--- Exercise inputs ---

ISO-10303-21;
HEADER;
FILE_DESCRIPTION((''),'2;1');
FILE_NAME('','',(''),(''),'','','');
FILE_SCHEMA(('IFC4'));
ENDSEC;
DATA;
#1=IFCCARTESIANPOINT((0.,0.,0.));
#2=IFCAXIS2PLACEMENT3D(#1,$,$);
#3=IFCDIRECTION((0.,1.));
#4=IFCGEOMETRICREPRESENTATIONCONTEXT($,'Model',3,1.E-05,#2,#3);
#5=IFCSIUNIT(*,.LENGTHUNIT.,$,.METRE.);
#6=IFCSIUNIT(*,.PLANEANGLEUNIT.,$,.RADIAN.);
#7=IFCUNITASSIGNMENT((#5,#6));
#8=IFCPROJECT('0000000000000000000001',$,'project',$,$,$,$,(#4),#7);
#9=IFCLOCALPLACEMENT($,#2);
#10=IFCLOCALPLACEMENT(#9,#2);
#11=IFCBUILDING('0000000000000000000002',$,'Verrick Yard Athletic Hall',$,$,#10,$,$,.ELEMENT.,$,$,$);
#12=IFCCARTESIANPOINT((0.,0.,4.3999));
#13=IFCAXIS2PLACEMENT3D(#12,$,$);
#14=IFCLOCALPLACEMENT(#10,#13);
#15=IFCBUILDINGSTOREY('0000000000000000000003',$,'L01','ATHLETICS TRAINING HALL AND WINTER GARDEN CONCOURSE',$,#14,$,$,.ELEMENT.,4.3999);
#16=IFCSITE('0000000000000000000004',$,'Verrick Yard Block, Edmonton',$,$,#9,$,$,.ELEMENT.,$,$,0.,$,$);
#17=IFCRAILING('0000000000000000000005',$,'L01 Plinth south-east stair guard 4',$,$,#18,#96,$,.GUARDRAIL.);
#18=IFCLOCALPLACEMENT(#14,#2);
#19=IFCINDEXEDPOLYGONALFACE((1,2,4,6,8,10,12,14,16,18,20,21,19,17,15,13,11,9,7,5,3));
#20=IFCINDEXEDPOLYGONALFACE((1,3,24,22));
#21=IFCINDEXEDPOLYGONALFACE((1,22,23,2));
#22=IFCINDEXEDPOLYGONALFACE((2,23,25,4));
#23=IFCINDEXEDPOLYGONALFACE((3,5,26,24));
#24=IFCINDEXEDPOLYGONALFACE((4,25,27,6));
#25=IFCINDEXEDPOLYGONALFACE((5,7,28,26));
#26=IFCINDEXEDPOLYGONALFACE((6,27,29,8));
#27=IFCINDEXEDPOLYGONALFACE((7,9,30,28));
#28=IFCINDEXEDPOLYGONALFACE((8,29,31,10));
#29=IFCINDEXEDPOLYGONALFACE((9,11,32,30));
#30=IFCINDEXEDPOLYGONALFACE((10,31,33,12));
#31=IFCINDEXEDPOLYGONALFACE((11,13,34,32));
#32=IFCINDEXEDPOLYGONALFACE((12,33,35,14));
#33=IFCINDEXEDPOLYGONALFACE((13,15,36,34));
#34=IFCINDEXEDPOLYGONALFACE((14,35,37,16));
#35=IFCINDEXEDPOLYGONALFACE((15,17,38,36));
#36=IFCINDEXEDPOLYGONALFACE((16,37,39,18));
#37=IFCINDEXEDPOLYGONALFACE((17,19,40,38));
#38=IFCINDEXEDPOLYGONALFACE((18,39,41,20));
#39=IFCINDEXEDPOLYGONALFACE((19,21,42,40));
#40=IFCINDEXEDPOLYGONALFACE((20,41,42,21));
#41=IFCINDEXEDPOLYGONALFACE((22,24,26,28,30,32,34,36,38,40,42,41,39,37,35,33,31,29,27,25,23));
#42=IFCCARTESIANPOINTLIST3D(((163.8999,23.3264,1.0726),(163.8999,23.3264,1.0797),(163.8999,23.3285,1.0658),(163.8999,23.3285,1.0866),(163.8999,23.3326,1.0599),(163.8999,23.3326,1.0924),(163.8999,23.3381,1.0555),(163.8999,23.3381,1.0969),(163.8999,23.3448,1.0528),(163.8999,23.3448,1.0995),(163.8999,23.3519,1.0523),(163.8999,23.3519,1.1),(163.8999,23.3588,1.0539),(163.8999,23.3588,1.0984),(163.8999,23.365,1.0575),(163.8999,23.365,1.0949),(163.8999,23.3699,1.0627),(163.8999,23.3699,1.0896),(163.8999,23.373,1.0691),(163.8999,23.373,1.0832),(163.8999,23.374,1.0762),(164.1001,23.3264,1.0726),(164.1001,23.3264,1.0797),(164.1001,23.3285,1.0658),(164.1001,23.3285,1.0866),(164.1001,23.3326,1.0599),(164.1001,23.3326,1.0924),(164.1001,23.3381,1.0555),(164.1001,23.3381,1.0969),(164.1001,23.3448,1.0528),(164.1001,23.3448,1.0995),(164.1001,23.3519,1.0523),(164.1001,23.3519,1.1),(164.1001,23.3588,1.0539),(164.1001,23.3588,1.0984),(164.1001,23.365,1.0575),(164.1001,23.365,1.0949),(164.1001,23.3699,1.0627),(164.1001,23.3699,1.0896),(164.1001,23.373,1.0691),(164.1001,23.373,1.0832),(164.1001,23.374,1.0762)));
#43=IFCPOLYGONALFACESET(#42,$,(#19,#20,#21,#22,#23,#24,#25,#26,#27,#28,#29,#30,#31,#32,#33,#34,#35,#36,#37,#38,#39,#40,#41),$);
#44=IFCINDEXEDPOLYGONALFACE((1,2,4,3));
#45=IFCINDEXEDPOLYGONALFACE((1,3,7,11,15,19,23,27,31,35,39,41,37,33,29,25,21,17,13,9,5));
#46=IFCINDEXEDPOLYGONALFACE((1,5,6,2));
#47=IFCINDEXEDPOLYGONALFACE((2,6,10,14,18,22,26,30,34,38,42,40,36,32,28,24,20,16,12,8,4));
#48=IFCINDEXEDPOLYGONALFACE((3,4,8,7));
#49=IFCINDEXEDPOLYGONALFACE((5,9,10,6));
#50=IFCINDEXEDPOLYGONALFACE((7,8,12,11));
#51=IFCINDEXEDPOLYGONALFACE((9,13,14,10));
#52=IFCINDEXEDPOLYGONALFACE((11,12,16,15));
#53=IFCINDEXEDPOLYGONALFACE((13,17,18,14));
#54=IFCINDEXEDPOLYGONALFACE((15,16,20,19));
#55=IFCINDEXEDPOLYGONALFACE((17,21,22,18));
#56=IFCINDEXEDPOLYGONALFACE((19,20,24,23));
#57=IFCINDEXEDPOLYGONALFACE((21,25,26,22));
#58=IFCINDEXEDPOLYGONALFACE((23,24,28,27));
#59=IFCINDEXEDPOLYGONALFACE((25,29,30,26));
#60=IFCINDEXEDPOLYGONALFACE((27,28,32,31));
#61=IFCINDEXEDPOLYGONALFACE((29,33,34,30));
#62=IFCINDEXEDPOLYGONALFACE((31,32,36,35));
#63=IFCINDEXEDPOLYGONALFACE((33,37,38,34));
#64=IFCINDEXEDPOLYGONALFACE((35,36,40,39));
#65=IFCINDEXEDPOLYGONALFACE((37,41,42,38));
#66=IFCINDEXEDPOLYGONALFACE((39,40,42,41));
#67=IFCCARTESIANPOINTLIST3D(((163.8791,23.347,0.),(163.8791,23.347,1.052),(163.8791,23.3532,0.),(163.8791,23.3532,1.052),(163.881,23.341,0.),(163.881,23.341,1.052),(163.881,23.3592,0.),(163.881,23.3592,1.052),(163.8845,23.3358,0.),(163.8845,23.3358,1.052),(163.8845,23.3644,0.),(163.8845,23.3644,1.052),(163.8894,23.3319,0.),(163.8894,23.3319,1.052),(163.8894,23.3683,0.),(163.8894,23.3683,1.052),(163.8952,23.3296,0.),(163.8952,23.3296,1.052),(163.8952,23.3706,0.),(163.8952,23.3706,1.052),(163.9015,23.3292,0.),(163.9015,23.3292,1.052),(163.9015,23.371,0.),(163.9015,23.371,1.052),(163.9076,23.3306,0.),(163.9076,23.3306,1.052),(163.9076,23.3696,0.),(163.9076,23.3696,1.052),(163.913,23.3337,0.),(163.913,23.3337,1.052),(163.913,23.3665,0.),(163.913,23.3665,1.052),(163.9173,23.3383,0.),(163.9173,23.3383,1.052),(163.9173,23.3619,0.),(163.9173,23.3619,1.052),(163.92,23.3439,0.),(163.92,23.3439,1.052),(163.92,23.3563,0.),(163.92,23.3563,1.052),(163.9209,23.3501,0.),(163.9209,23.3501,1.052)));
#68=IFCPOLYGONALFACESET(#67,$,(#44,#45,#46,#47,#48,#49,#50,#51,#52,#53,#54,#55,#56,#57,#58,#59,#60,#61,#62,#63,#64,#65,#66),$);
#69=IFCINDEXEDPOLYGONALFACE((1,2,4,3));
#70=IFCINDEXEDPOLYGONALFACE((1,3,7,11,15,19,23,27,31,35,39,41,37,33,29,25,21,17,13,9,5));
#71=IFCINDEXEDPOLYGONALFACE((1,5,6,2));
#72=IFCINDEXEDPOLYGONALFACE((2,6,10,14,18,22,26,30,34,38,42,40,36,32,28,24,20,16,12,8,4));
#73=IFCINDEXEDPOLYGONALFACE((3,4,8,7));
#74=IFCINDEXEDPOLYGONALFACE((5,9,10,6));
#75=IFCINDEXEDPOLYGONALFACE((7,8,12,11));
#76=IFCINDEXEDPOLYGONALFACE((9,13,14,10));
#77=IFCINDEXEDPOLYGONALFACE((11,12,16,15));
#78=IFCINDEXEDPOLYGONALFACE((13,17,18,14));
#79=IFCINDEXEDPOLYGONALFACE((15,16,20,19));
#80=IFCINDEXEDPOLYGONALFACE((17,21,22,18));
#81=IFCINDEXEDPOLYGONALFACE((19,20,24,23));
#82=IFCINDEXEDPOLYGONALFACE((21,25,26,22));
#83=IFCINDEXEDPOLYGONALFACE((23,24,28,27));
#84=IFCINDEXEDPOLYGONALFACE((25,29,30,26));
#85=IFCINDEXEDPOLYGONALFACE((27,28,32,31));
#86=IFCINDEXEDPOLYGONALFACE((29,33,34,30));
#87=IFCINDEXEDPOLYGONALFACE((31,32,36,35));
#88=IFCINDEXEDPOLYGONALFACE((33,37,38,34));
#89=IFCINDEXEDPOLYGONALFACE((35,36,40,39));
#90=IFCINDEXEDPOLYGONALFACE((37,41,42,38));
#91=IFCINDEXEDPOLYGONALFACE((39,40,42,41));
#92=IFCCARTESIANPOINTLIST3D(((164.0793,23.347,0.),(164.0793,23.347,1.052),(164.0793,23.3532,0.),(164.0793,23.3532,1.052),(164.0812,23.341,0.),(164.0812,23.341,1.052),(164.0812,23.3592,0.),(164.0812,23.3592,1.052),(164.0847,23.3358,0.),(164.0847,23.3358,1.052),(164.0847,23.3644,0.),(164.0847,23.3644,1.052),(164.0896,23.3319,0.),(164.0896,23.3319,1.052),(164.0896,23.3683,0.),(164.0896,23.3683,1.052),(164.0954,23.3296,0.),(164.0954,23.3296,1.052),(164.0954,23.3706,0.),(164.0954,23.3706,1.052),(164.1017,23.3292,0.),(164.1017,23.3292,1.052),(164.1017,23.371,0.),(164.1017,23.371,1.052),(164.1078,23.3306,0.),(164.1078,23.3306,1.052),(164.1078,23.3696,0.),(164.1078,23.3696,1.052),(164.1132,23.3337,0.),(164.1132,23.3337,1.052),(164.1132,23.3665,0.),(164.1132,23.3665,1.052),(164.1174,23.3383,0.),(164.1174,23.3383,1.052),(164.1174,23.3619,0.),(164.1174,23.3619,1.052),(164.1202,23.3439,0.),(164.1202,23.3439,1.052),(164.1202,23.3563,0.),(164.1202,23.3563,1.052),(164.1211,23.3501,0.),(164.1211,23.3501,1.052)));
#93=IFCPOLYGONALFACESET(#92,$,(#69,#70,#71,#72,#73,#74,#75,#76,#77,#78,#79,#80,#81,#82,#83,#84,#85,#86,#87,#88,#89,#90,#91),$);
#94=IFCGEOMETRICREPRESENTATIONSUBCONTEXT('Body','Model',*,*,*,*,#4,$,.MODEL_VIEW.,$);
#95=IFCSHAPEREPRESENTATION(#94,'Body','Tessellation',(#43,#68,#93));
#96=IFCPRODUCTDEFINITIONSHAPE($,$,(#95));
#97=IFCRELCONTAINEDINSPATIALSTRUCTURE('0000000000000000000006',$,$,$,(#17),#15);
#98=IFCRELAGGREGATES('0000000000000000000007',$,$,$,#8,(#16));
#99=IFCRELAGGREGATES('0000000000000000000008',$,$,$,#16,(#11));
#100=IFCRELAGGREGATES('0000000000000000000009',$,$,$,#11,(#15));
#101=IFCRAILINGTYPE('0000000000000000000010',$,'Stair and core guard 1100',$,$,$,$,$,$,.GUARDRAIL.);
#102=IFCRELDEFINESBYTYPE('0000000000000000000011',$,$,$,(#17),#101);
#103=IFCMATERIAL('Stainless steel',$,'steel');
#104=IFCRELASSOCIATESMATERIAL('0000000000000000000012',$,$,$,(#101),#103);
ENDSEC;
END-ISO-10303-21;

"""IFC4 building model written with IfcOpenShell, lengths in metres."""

from ifc_helpers import new_model, si_unit, direction, frame, origin, origin_2d, place, context, subcontext, project, spatial, circle, extrude, material, type_object, element, save


model = new_model("IFC4")

# Units and contexts
model_context = context("Model", 3, precision=1e-05, world=origin(), true_north=direction((0.0, 1.0)))
body_context = subcontext(model_context, "Body", "Model", "MODEL_VIEW")
ifc_project = project(units=[si_unit("LENGTHUNIT", "METRE"), si_unit("PLANEANGLEUNIT", "RADIAN")], contexts=[model_context])

# Site, building, storey
site_placement = place(None, origin())
site = spatial("IfcSite", under=ifc_project, at=site_placement, Name="Verrick Yard Block, Edmonton", CompositionType="ELEMENT", RefElevation=0.0)
building_placement = place(site_placement, origin())
building = spatial("IfcBuilding", under=site, at=building_placement, Name="Verrick Yard Athletic Hall", CompositionType="ELEMENT")
storey_placement = place(building_placement, frame((0.0, 0.0, 4.3999)))
storey = spatial("IfcBuildingStorey", under=building, at=storey_placement, Name="L01", Description="ATHLETICS TRAINING HALL AND WINTER GARDEN CONCOURSE", CompositionType="ELEMENT", Elevation=4.3999)

# Railing
ifc_material_1 = material(Name="Stainless steel", Category="steel")
railing_type_1 = type_object("IfcRailingType", Name="Stair and core guard 1100", PredefinedType="GUARDRAIL", material=ifc_material_1)
railing_1_placement = place(storey_placement, frame((163.8999, 23.3501, 0.0)))
element("IfcRailing", 1, at=railing_1_placement, inside=storey, type_object=railing_type_1, Name="L01 Plinth south-east stair guard 4", PredefinedType="GUARDRAIL", context=body_context, shape_type="SweptSolid", body=[
    extrude(circle(Radius=0.0239, at=origin_2d()), frame((0.0, 0.0, 1.0762), z_axis=(1.0, 0.0, 0.0), x_axis=(0.0, 1.0, 0.0)), (0.0, 0.0, 1.0), 0.2002),
    extrude(circle(Radius=0.021, at=origin_2d()), origin(), (0.0, 0.0, 1.0), 1.052),
    extrude(circle(Radius=0.021, at=origin_2d()), frame((0.2002, 0.0, 0.0)), (0.0, 0.0, 1.0), 1.052),
])

save(model, "model.ifc")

---

* [Activity]: Nothing but a number should be given: how many lines in the records hold the word "IFCSIUNIT".

* [Response below]: 2